- _ACTIVITY_: Whatever runs from the line with "#142=IFCINDEXEDPOLYGONALFACE((3,4,8,7));" to the end of the records below must be copied exactly, with nothing else included.

(GIVEN ENTRIES)

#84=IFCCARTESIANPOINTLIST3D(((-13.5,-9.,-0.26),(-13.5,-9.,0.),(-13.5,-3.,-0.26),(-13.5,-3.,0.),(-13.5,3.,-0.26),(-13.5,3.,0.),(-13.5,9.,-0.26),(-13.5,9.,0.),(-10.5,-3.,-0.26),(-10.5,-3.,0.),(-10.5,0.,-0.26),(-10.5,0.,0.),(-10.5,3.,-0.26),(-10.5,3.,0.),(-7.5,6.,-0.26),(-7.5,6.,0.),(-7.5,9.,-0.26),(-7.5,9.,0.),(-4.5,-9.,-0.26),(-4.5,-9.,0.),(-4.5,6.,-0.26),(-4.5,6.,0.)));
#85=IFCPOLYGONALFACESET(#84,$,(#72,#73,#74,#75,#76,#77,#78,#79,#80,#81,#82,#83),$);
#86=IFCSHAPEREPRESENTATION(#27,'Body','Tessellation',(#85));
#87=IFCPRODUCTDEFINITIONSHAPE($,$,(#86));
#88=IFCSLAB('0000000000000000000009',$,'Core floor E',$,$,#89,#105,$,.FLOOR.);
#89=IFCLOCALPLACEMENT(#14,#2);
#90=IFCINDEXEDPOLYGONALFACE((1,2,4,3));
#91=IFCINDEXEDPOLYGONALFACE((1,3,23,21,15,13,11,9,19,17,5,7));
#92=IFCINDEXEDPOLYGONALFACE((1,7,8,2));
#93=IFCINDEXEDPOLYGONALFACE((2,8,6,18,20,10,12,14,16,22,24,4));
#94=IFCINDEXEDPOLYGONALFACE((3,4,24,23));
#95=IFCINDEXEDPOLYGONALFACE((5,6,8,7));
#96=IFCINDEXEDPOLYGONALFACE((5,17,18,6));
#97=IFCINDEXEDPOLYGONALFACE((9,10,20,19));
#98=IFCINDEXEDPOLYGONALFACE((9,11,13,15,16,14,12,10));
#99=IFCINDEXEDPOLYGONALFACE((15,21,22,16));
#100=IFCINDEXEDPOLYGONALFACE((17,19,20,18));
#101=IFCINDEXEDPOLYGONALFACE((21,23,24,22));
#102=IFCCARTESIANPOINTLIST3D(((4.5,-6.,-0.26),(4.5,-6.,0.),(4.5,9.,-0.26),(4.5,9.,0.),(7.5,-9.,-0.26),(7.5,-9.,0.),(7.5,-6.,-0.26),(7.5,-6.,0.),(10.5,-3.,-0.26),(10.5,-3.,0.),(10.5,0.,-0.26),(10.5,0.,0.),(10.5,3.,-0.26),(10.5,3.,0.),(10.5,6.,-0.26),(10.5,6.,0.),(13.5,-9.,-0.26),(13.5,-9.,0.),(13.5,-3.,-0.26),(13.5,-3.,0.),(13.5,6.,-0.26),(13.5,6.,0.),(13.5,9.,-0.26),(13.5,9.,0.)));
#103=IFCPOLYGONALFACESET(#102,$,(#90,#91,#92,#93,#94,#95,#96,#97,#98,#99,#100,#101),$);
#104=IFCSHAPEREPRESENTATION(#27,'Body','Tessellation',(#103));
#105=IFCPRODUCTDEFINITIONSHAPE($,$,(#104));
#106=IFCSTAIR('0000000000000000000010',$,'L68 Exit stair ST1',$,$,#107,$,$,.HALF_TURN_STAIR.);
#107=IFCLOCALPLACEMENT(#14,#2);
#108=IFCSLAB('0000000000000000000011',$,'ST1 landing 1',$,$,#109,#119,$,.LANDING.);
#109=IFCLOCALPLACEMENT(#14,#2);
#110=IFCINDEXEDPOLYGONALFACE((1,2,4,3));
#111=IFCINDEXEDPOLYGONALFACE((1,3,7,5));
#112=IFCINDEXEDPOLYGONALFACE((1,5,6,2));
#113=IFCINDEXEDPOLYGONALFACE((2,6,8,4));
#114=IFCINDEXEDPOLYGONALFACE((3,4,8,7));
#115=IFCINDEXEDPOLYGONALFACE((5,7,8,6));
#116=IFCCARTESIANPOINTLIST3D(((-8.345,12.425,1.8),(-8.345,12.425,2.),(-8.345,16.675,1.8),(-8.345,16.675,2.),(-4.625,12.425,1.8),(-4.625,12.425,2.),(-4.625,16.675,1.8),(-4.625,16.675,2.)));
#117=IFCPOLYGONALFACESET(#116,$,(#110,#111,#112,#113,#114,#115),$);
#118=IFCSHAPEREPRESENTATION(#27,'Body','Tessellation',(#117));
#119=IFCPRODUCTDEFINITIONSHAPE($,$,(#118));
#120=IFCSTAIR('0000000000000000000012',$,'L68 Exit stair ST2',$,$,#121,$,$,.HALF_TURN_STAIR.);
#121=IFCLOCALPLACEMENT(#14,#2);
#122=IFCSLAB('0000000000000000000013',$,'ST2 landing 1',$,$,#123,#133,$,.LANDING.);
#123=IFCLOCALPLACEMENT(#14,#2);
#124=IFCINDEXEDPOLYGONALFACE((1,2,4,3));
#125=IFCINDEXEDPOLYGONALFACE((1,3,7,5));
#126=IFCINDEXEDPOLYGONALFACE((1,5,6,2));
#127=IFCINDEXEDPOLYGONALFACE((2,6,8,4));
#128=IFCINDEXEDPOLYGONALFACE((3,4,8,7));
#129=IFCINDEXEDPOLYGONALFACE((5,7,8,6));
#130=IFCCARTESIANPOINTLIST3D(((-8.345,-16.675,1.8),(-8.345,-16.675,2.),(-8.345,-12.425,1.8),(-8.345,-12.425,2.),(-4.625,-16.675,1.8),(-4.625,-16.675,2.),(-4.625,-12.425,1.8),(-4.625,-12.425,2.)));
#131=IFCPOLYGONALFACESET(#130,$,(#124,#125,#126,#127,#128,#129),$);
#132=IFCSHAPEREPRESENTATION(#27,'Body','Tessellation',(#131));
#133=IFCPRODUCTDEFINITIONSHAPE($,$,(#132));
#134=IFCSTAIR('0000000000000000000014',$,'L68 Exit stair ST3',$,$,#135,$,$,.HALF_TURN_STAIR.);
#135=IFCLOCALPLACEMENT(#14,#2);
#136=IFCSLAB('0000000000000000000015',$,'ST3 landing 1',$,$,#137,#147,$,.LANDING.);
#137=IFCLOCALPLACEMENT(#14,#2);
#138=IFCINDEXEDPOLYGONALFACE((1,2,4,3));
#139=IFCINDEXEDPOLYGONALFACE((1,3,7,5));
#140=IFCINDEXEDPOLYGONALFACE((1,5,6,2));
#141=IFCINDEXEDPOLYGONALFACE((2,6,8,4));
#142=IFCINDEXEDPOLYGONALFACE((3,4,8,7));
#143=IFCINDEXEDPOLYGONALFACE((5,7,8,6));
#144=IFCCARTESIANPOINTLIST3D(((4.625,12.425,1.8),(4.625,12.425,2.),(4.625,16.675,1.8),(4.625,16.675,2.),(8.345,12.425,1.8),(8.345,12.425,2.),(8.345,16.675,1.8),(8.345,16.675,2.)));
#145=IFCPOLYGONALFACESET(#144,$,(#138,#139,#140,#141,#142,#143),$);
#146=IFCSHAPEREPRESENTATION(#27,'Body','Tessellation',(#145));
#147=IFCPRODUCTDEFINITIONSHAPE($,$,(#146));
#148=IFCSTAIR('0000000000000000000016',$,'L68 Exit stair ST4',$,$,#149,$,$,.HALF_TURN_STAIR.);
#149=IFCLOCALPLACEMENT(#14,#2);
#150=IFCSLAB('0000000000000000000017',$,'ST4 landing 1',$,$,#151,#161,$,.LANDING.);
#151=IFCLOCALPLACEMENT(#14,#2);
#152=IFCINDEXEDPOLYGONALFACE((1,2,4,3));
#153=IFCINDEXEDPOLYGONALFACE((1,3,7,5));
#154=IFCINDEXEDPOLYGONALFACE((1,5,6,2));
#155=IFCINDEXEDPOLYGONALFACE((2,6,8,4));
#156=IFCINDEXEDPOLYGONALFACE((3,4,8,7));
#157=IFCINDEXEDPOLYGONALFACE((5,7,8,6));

(End GIVEN ENTRIES)

- _ANSWER SPACE_:
#142=IFCINDEXEDPOLYGONALFACE((3,4,8,7));
#143=IFCINDEXEDPOLYGONALFACE((5,7,8,6));
#144=IFCCARTESIANPOINTLIST3D(((4.625,12.425,1.8),(4.625,12.425,2.),(4.625,16.675,1.8),(4.625,16.675,2.),(8.345,12.425,1.8),(8.345,12.425,2.),(8.345,16.675,1.8),(8.345,16.675,2.)));
#145=IFCPOLYGONALFACESET(#144,$,(#138,#139,#140,#141,#142,#143),$);
#146=IFCSHAPEREPRESENTATION(#27,'Body','Tessellation',(#145));
#147=IFCPRODUCTDEFINITIONSHAPE($,$,(#146));
#148=IFCSTAIR('0000000000000000000016',$,'L68 Exit stair ST4',$,$,#149,$,$,.HALF_TURN_STAIR.);
#149=IFCLOCALPLACEMENT(#14,#2);
#150=IFCSLAB('0000000000000000000017',$,'ST4 landing 1',$,$,#151,#161,$,.LANDING.);
#151=IFCLOCALPLACEMENT(#14,#2);
#152=IFCINDEXEDPOLYGONALFACE((1,2,4,3));
#153=IFCINDEXEDPOLYGONALFACE((1,3,7,5));
#154=IFCINDEXEDPOLYGONALFACE((1,5,6,2));
#155=IFCINDEXEDPOLYGONALFACE((2,6,8,4));
#156=IFCINDEXEDPOLYGONALFACE((3,4,8,7));
#157=IFCINDEXEDPOLYGONALFACE((5,7,8,6));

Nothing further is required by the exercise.